*** Begin section ***

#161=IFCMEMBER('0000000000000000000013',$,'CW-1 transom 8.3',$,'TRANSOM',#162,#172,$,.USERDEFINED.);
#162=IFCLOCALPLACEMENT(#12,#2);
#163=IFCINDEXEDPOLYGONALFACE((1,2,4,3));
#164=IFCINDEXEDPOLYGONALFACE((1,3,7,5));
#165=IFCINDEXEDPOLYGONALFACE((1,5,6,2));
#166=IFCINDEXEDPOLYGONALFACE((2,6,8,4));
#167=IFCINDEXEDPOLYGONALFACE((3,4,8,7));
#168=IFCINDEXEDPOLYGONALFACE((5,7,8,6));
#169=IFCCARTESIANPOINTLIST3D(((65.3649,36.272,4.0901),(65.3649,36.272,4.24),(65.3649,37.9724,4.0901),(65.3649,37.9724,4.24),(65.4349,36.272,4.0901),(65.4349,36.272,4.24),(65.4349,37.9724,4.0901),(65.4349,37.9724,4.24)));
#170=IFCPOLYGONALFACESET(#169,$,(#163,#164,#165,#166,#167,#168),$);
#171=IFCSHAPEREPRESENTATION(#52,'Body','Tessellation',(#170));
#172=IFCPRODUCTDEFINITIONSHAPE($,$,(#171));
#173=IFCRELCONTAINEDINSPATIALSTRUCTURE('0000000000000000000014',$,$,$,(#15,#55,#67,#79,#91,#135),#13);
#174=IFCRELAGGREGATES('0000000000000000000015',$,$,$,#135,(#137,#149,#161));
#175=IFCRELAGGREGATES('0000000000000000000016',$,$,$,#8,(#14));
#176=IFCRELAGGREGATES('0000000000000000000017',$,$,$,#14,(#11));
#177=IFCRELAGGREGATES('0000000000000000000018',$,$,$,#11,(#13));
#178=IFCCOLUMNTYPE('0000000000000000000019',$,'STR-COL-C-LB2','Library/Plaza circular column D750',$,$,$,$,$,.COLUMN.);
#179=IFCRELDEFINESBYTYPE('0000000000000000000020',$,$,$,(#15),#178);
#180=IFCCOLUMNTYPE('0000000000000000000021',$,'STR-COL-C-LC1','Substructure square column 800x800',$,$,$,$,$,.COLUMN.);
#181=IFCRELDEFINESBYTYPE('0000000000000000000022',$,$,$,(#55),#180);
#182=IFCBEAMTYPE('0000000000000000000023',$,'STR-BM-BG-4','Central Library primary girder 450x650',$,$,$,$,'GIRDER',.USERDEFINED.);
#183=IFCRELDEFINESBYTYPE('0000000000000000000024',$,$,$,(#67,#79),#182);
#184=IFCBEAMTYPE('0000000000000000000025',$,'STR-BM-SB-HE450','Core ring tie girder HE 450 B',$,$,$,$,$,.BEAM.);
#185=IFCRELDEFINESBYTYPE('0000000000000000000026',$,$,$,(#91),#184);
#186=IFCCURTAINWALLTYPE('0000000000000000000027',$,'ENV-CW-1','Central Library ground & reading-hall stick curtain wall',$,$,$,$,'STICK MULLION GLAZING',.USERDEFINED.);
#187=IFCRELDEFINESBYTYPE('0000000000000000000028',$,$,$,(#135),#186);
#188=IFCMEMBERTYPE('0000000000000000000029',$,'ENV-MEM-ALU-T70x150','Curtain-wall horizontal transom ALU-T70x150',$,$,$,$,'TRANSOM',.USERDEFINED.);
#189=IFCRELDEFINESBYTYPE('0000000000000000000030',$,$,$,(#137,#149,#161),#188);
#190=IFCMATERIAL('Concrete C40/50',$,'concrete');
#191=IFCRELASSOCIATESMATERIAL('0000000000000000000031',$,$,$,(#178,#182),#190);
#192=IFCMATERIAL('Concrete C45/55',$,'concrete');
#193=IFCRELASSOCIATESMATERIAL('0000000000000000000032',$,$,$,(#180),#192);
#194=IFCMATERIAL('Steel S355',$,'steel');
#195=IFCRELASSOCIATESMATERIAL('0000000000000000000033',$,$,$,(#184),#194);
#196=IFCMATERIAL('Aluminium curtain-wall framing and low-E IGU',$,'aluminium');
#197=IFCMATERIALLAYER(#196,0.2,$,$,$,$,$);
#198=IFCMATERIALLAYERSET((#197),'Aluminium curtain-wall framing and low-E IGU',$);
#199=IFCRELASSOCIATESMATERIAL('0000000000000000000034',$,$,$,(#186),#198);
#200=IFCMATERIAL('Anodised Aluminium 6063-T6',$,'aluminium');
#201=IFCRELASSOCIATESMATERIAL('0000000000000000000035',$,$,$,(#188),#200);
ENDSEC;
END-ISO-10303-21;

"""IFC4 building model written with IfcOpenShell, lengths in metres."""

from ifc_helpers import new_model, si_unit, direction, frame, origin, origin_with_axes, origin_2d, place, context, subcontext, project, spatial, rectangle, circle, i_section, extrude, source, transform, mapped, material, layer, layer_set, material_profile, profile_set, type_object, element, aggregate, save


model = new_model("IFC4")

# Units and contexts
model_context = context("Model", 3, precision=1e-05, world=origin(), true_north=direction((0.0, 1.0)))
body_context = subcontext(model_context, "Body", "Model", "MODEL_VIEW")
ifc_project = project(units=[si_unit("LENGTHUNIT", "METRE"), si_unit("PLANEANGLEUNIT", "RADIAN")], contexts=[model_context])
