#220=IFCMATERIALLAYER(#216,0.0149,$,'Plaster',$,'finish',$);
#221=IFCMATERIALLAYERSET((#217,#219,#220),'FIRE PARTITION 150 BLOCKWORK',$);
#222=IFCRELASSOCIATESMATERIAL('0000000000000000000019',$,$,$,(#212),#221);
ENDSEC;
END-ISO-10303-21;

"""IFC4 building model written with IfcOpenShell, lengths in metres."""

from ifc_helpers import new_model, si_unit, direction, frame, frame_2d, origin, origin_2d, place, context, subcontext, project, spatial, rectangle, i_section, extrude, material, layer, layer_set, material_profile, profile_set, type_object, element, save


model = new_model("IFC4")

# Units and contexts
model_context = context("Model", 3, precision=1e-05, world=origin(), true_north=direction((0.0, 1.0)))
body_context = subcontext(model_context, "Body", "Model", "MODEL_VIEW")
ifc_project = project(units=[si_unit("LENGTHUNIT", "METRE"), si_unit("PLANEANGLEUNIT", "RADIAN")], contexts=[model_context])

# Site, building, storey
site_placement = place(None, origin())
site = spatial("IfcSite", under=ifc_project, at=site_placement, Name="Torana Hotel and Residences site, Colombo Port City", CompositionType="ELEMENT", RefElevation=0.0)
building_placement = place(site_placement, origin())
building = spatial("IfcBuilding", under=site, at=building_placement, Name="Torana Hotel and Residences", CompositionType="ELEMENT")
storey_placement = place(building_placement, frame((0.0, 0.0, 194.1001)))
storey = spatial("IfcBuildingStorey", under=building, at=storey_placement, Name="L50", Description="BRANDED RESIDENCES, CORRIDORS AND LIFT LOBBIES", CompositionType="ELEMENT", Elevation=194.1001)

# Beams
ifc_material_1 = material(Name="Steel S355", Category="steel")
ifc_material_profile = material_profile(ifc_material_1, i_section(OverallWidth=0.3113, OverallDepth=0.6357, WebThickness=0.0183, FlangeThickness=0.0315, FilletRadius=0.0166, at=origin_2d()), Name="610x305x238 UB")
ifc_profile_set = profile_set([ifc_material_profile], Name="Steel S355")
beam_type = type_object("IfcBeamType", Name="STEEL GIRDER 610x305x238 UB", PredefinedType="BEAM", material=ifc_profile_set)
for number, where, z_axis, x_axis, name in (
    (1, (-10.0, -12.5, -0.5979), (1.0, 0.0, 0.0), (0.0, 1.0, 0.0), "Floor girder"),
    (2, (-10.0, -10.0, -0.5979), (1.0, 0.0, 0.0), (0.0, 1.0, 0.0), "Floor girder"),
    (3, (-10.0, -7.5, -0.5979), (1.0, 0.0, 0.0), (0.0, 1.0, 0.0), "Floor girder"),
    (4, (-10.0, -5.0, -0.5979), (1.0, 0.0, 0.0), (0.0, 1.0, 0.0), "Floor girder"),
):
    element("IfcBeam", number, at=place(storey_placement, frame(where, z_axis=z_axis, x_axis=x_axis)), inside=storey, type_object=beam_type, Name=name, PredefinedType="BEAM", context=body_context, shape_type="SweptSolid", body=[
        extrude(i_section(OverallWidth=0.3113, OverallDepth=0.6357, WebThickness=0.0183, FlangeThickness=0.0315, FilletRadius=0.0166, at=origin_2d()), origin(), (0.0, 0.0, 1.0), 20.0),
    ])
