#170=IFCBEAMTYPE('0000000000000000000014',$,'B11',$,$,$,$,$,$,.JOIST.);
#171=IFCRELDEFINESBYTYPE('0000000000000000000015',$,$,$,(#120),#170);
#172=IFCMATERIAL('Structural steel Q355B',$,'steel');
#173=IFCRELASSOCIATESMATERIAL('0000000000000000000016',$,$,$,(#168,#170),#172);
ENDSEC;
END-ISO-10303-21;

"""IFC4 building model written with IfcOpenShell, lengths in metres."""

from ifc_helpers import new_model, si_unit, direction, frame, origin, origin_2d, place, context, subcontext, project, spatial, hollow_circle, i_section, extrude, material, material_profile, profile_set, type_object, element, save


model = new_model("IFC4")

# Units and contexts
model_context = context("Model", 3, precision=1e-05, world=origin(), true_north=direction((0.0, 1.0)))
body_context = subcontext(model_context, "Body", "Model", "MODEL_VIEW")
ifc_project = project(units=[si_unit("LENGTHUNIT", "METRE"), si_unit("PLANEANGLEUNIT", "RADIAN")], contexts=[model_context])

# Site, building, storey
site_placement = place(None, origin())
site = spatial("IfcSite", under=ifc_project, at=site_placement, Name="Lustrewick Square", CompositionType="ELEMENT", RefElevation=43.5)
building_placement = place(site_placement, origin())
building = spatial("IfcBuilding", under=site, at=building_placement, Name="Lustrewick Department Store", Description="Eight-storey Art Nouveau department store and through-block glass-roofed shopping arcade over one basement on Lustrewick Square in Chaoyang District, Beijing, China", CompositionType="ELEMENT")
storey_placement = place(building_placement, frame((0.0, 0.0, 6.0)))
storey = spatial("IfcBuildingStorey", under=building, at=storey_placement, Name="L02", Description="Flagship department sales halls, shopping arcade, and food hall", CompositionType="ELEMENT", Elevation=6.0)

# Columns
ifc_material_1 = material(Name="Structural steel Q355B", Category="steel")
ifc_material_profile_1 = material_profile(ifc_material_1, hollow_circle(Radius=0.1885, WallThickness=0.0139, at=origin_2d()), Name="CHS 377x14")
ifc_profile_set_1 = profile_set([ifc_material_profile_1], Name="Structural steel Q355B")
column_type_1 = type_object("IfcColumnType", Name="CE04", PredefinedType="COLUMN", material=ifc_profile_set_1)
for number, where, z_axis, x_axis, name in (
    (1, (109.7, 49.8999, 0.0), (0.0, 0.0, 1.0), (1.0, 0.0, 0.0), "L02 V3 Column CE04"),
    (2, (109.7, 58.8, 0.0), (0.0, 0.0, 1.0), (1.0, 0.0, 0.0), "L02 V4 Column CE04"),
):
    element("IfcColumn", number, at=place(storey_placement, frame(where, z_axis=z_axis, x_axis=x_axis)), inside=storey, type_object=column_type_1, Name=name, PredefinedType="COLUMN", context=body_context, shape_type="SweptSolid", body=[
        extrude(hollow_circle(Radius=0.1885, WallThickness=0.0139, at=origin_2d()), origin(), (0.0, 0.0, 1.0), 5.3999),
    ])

*** End section ***

# Task to complete
Write only the number of lines in the data above that include "OverallDepth".

# Task answer
2